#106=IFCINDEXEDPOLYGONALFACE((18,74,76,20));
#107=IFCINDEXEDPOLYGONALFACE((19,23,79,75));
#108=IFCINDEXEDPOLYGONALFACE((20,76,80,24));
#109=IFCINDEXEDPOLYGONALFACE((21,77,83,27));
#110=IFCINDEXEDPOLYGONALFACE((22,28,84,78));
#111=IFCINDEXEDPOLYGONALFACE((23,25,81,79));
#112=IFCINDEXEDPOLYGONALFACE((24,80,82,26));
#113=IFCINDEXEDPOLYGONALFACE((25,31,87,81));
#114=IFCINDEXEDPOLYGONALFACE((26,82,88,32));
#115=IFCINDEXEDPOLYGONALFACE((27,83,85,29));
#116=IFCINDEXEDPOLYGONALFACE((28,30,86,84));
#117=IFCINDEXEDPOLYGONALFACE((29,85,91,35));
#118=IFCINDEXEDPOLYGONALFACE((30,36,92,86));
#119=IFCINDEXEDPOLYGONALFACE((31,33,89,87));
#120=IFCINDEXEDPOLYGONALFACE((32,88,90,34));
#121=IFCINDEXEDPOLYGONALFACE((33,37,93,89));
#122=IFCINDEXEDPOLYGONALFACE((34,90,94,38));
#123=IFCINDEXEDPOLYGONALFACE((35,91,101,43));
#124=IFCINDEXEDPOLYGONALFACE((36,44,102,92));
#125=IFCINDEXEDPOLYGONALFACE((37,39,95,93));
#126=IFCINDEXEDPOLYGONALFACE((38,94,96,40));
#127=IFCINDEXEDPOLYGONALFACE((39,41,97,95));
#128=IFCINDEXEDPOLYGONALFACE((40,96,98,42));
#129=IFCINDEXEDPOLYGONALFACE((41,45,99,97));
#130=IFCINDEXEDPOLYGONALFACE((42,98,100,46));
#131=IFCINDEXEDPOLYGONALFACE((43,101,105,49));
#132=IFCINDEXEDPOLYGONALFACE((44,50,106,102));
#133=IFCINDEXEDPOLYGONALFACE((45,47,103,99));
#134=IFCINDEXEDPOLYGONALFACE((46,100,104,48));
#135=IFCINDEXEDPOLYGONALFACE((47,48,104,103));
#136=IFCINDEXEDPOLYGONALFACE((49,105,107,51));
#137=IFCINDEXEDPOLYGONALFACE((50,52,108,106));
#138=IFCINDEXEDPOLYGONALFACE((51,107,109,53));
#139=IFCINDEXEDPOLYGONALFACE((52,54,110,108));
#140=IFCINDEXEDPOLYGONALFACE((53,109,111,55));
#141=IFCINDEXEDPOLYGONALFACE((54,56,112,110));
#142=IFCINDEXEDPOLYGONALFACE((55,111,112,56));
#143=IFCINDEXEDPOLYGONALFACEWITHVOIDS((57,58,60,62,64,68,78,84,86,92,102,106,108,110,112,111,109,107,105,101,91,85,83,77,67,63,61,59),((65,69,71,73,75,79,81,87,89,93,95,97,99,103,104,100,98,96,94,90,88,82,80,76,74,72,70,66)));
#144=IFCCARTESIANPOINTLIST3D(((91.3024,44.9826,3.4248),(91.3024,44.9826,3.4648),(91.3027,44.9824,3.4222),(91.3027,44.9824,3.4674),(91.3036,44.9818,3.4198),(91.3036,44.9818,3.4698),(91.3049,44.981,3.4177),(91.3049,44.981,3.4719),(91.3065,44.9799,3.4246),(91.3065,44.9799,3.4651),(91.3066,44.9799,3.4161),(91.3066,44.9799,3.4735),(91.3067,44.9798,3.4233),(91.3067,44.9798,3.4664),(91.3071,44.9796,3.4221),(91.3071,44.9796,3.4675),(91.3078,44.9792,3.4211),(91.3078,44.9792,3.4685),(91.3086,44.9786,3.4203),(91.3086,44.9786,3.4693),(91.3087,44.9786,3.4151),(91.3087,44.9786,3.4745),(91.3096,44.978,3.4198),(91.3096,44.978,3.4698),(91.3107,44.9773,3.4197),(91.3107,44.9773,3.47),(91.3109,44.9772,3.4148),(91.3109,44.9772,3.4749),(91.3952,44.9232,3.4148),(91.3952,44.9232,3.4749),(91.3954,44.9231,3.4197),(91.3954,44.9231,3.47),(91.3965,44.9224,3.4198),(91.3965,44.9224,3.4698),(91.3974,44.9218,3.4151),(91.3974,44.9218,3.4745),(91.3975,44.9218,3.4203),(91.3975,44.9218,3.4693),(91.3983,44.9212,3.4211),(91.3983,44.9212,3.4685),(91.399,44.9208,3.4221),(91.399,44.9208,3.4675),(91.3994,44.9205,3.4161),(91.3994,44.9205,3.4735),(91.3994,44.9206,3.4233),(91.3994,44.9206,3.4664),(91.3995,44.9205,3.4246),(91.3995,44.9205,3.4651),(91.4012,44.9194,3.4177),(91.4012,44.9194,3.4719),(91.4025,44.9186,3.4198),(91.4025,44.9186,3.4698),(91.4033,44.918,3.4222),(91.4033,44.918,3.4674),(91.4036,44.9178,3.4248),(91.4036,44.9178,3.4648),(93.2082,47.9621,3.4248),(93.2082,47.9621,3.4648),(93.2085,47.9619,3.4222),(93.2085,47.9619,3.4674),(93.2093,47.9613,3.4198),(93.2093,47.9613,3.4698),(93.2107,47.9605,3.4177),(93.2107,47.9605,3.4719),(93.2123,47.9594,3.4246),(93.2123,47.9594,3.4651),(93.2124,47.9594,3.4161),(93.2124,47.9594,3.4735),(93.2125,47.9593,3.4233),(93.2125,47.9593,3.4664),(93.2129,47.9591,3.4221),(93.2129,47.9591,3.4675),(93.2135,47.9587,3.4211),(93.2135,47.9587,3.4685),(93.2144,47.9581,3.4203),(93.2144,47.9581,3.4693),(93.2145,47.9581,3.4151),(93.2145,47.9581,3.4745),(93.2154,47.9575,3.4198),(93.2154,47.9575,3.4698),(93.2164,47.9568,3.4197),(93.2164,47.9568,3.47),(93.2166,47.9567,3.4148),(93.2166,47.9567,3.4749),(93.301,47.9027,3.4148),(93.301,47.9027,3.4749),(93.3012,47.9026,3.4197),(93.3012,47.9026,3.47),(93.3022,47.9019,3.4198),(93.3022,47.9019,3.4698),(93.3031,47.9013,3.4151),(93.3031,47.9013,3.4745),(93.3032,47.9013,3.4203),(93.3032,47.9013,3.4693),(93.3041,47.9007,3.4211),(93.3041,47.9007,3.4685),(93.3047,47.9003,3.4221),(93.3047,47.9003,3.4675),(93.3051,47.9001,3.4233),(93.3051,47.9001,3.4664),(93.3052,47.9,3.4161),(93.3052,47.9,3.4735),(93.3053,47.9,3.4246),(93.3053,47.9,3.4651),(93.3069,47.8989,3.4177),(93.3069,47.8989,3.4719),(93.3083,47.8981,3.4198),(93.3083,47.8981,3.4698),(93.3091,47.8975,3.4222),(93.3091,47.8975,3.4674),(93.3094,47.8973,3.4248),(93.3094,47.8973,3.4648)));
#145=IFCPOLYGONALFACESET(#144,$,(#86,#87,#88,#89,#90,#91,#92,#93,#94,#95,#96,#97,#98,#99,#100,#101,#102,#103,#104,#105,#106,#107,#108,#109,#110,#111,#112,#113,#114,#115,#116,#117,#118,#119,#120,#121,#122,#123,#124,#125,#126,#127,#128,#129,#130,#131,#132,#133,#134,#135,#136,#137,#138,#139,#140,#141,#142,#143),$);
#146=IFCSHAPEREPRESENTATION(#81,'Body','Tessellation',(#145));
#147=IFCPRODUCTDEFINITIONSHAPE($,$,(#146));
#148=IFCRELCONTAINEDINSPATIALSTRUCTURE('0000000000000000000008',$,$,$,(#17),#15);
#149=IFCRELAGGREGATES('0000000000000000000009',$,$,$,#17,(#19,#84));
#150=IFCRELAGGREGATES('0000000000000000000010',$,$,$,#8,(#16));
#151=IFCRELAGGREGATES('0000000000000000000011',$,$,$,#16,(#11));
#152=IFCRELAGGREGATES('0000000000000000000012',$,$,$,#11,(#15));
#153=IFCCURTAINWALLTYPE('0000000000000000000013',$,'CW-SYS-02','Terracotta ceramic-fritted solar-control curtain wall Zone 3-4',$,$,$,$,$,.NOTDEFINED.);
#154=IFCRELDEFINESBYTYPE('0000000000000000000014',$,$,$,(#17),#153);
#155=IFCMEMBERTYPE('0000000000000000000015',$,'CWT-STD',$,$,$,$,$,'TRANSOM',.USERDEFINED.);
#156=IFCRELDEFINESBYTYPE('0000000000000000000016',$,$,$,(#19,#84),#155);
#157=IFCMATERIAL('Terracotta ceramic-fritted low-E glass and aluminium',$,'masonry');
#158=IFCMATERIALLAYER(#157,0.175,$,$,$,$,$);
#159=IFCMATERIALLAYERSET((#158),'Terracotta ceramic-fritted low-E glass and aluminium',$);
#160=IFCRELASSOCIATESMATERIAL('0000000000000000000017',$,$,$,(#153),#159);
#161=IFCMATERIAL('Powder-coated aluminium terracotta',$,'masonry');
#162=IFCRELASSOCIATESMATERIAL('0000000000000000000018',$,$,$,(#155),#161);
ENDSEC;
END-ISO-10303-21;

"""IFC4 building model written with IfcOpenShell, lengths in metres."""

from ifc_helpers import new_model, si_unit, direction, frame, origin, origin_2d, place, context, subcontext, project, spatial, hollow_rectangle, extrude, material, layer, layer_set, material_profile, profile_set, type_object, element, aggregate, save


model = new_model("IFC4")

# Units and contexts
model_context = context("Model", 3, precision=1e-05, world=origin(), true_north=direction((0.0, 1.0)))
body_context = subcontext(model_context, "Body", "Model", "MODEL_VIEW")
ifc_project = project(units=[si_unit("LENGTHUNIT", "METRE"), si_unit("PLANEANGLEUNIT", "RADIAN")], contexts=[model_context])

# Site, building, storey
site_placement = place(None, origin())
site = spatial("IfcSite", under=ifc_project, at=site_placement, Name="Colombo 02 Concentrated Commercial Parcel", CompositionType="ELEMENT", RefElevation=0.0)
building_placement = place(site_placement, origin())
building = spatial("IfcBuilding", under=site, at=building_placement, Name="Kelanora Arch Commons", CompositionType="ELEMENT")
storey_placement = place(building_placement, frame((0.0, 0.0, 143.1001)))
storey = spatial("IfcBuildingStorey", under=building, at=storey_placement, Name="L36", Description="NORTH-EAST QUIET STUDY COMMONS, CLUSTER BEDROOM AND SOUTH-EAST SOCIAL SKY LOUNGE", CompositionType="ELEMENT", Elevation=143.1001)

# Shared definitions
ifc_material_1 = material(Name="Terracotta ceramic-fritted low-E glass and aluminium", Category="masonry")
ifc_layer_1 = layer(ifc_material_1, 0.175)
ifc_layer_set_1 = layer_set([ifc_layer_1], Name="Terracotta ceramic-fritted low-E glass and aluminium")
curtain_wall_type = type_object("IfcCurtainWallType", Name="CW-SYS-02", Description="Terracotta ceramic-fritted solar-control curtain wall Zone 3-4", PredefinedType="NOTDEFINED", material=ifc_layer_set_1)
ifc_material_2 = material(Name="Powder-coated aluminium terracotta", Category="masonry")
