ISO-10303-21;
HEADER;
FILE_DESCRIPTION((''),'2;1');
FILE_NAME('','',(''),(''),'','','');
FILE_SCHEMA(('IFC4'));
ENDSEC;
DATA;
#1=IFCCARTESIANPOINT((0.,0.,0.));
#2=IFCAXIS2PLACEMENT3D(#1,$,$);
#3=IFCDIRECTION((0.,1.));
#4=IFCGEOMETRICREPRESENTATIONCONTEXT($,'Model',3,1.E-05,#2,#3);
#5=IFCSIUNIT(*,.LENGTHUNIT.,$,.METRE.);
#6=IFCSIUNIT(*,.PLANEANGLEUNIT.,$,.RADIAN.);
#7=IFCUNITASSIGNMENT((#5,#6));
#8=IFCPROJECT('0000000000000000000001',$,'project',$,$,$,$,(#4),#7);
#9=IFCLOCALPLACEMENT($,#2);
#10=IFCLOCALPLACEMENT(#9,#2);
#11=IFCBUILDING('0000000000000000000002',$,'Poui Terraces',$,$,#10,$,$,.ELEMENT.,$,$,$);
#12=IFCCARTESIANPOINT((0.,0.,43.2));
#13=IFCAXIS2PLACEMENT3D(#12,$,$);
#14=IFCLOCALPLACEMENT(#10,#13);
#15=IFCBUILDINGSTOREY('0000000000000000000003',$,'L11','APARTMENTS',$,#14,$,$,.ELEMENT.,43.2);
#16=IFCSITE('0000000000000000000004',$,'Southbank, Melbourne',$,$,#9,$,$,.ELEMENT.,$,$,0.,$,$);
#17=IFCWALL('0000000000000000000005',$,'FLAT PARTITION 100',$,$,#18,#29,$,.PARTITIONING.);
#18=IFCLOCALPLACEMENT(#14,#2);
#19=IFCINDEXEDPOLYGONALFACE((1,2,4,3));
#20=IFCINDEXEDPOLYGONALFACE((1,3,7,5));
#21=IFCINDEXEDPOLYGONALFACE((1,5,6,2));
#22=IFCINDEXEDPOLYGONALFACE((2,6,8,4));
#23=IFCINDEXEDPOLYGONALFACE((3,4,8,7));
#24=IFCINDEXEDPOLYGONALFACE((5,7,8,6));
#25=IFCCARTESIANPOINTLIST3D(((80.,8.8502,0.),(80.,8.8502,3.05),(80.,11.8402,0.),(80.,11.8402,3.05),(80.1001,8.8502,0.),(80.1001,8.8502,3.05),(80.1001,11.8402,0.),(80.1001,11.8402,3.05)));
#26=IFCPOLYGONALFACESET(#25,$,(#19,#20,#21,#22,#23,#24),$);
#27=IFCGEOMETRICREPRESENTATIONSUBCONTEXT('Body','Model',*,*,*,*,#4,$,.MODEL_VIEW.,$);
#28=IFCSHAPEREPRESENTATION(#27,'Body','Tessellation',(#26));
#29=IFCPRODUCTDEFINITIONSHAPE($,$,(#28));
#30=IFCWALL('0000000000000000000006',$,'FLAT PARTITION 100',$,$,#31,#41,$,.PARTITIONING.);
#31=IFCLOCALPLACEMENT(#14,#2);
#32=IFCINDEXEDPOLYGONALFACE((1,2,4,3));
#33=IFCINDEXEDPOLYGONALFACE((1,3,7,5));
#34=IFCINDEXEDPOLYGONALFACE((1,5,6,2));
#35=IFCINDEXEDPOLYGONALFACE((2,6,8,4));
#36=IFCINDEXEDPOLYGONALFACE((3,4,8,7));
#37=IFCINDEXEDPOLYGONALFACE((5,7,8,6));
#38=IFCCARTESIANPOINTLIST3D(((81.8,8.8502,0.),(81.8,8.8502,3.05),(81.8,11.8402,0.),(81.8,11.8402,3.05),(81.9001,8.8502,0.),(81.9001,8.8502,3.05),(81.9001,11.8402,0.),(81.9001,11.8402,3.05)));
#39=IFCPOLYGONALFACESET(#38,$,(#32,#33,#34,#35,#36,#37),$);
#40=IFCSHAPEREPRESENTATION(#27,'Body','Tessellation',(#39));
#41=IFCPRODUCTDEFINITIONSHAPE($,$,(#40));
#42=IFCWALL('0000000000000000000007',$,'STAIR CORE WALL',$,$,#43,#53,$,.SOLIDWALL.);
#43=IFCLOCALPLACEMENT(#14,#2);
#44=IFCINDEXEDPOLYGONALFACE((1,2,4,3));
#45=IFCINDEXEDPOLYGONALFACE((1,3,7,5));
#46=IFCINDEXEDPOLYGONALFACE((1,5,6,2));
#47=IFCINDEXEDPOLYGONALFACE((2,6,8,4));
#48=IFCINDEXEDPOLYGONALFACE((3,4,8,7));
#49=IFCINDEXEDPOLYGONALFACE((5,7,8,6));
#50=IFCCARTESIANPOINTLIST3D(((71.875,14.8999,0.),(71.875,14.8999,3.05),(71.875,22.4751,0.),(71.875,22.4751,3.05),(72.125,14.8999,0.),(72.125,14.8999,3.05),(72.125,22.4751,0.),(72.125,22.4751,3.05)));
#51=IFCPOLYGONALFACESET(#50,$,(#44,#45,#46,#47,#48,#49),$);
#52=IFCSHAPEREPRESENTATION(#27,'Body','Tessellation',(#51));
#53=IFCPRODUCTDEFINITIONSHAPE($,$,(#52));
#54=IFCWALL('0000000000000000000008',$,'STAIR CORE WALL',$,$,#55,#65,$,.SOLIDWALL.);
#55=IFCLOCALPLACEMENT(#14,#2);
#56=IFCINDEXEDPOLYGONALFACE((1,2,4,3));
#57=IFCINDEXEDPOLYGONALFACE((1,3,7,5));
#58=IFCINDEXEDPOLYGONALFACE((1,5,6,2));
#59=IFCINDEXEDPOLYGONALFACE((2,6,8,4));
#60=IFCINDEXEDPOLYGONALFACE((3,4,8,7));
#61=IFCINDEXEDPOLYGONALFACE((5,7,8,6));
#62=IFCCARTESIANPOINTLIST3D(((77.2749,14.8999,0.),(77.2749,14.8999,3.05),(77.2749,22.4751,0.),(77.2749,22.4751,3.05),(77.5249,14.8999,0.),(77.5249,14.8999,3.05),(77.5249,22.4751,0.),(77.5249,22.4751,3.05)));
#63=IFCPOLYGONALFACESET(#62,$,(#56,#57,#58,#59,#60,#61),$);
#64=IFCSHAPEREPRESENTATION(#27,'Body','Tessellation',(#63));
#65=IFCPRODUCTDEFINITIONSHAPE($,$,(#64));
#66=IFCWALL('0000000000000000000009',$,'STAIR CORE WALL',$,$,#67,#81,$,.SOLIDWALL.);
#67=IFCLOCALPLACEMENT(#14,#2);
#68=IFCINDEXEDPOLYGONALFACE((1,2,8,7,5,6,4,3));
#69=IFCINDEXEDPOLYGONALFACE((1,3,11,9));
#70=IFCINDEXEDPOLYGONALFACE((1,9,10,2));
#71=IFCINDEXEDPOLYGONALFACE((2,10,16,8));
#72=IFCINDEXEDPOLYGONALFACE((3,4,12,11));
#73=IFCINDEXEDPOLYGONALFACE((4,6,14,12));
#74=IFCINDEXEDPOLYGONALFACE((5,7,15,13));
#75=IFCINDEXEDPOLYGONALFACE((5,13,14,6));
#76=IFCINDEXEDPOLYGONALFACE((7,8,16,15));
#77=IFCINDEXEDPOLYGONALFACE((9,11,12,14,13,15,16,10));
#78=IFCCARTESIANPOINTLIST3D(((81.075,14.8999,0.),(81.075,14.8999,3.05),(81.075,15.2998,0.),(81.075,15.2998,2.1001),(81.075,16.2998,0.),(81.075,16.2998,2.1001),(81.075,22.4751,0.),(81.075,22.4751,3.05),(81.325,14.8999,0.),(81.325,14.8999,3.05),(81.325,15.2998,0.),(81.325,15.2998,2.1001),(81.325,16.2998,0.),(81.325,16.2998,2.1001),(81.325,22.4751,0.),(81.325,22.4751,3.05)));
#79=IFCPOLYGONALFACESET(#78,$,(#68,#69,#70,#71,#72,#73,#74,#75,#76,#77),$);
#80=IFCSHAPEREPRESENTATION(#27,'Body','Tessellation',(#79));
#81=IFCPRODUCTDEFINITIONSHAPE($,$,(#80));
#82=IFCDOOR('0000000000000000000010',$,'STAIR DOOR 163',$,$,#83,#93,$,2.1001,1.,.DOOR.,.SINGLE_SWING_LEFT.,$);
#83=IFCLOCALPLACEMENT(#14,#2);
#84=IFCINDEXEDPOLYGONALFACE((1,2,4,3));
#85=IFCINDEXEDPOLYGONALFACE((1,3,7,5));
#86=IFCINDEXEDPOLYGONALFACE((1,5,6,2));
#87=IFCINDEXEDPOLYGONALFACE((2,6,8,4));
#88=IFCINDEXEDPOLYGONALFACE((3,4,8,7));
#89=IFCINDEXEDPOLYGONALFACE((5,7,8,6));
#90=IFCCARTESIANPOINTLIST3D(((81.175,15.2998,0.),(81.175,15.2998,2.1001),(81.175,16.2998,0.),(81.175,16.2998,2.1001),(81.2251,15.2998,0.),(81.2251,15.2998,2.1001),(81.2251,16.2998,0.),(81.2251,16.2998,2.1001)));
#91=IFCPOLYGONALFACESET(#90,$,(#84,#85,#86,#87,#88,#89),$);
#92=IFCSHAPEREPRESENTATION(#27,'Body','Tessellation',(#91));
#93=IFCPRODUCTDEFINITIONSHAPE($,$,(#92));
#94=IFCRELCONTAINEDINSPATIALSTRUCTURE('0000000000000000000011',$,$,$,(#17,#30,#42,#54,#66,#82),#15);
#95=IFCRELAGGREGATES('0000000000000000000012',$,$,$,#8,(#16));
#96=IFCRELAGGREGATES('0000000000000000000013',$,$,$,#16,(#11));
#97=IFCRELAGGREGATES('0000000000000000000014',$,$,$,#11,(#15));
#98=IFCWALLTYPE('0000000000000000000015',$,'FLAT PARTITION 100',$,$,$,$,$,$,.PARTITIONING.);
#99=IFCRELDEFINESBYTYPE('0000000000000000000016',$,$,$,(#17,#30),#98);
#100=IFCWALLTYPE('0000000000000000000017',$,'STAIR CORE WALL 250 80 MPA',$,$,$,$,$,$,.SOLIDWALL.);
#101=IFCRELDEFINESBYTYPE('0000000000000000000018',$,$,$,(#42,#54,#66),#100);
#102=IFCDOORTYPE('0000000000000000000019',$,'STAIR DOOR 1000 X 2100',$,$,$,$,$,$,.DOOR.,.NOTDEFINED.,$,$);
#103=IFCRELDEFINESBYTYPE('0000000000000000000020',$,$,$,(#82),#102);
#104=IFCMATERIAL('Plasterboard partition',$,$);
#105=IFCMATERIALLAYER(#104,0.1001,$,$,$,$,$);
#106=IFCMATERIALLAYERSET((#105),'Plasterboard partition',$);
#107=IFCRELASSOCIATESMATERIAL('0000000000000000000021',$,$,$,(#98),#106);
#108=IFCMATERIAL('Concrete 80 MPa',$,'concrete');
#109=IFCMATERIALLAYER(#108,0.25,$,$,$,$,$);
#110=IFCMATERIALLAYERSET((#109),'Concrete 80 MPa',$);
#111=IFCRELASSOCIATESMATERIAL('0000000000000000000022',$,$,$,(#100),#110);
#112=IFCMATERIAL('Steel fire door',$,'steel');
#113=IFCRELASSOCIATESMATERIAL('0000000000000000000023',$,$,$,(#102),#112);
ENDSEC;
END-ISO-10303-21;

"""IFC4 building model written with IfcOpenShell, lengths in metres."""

from ifc_helpers import new_model, si_unit, direction, frame, frame_2d, origin, place, context, subcontext, project, spatial, rectangle, extrude, material, layer, layer_set, type_object, element, fill, save


model = new_model("IFC4")

# Units and contexts
model_context = context("Model", 3, precision=1e-05, world=origin(), true_north=direction((0.0, 1.0)))
body_context = subcontext(model_context, "Body", "Model", "MODEL_VIEW")
ifc_project = project(units=[si_unit("LENGTHUNIT", "METRE"), si_unit("PLANEANGLEUNIT", "RADIAN")], contexts=[model_context])

# Site, building, storey
site_placement = place(None, origin())
site = spatial("IfcSite", under=ifc_project, at=site_placement, Name="Southbank, Melbourne", CompositionType="ELEMENT", RefElevation=0.0)
building_placement = place(site_placement, origin())
building = spatial("IfcBuilding", under=site, at=building_placement, Name="Poui Terraces", CompositionType="ELEMENT")
storey_placement = place(building_placement, frame((0.0, 0.0, 43.2)))
storey = spatial("IfcBuildingStorey", under=building, at=storey_placement, Name="L11", Description="APARTMENTS", CompositionType="ELEMENT", Elevation=43.2)

# Shared definitions
ifc_material_1 = material(Name="Concrete 80 MPa", Category="concrete")

# Shared definitions
ifc_material_2 = material(Name="Steel fire door", Category="steel")
ifc_material_3 = material(Name="Plasterboard partition")
ifc_layer_1 = layer(ifc_material_3, 0.1001)
ifc_layer_set_1 = layer_set([ifc_layer_1], Name="Plasterboard partition")
wall_type_1 = type_object("IfcWallType", Name="FLAT PARTITION 100", PredefinedType="PARTITIONING", material=ifc_layer_set_1)

# Walls
for number, where, z_axis, x_axis, name in (
    (1, (80.05, 8.8501, 0.0), (0.0, 0.0, 1.0), (0.0, 1.0, 0.0), "FLAT PARTITION 100"),
    (2, (81.8501, 8.8501, 0.0), (0.0, 0.0, 1.0), (0.0, 1.0, 0.0), "FLAT PARTITION 100"),
):
    element("IfcWall", number, at=place(storey_placement, frame(where, z_axis=z_axis, x_axis=x_axis)), inside=storey, type_object=wall_type_1, Name=name, PredefinedType="PARTITIONING", context=body_context, shape_type="SweptSolid", body=[
        extrude(rectangle(XDim=2.99, YDim=0.1001, at=frame_2d((1.4951, 0.0))), origin(), (0.0, 0.0, 1.0), 3.05),
    ])
ifc_layer_2 = layer(ifc_material_1, 0.25)
ifc_layer_set_2 = layer_set([ifc_layer_2], Name="Concrete 80 MPa")
wall_type_2 = type_object("IfcWallType", Name="STAIR CORE WALL 250 80 MPA", PredefinedType="SOLIDWALL", material=ifc_layer_set_2)
for number, where, z_axis, x_axis, name in (
    (3, (72.0, 14.8999, 0.0), (0.0, 0.0, 1.0), (0.0, 1.0, 0.0), "STAIR CORE WALL"),
    (4, (77.3999, 14.8999, 0.0), (0.0, 0.0, 1.0), (0.0, 1.0, 0.0), "STAIR CORE WALL"),
):
    element("IfcWall", number, at=place(storey_placement, frame(where, z_axis=z_axis, x_axis=x_axis)), inside=storey, type_object=wall_type_2, Name=name, PredefinedType="SOLIDWALL", context=body_context, shape_type="SweptSolid", body=[
        extrude(rectangle(XDim=7.5752, YDim=0.25, at=frame_2d((3.7876, 0.0))), origin(), (0.0, 0.0, 1.0), 3.05),
    ])

# Wall, opening, door
wall_1_placement = place(storey_placement, frame((81.2, 14.8999, 0.0), z_axis=(0.0, 0.0, 1.0), x_axis=(0.0, 1.0, 0.0)))
wall_1 = element("IfcWall", 5, at=wall_1_placement, inside=storey, type_object=wall_type_2, Name="STAIR CORE WALL", PredefinedType="SOLIDWALL", context=body_context, shape_type="SweptSolid", body=[
    extrude(rectangle(XDim=7.5752, YDim=0.25, at=frame_2d((3.7876, 0.0))), origin(), (0.0, 0.0, 1.0), 3.05),
])
opening_1_placement = place(wall_1_placement, frame((0.3999, 0.0, 0.0)))
opening_1 = element("IfcOpeningElement", 6, at=opening_1_placement, cuts=wall_1, PredefinedType="OPENING", context=body_context, shape_type="SweptSolid", body=[
    extrude(rectangle(XDim=1.0, YDim=2.1001, at=frame_2d((0.5, 1.05))), frame((0.0, 0.135, 0.0), z_axis=(0.0, -1.0, 0.0), x_axis=(1.0, 0.0, 0.0)), (0.0, 0.0, 1.0), 0.27),
])
door_type_1 = type_object("IfcDoorType", Name="STAIR DOOR 1000 X 2100", OperationType="NOTDEFINED", PredefinedType="DOOR", material=ifc_material_2)
door_1_placement = place(opening_1_placement, origin())
door_1 = element("IfcDoor", 7, at=door_1_placement, inside=storey, type_object=door_type_1, Name="STAIR DOOR 163", OperationType="SINGLE_SWING_LEFT", OverallHeight=2.1001, OverallWidth=1.0, PredefinedType="DOOR", context=body_context, shape_type="SweptSolid", body=[
    extrude(rectangle(XDim=1.0, YDim=2.1001, at=frame_2d((0.5, 1.05))), frame((0.0, 0.0249, 0.0), z_axis=(0.0, -1.0, 0.0), x_axis=(1.0, 0.0, 0.0)), (0.0, 0.0, 1.0), 0.05),
])
fill(opening_1, door_1)

save(model, "model.ifc")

- - - - - - -

What is being asked: In the entries above, find the line holding "#107=IFCINDEXEDPOLYGONALFACE((19,23,79,75));" and the line holding "#114=IFCINDEXEDPOLYGONALFACE((26,82,88,32));", then retype exactly those two lines and every line between them, and nothing else.

Written answer:
#107=IFCINDEXEDPOLYGONALFACE((19,23,79,75));
#108=IFCINDEXEDPOLYGONALFACE((20,76,80,24));
#109=IFCINDEXEDPOLYGONALFACE((21,77,83,27));
#110=IFCINDEXEDPOLYGONALFACE((22,28,84,78));
#111=IFCINDEXEDPOLYGONALFACE((23,25,81,79));
#112=IFCINDEXEDPOLYGONALFACE((24,80,82,26));
#113=IFCINDEXEDPOLYGONALFACE((25,31,87,81));
#114=IFCINDEXEDPOLYGONALFACE((26,82,88,32));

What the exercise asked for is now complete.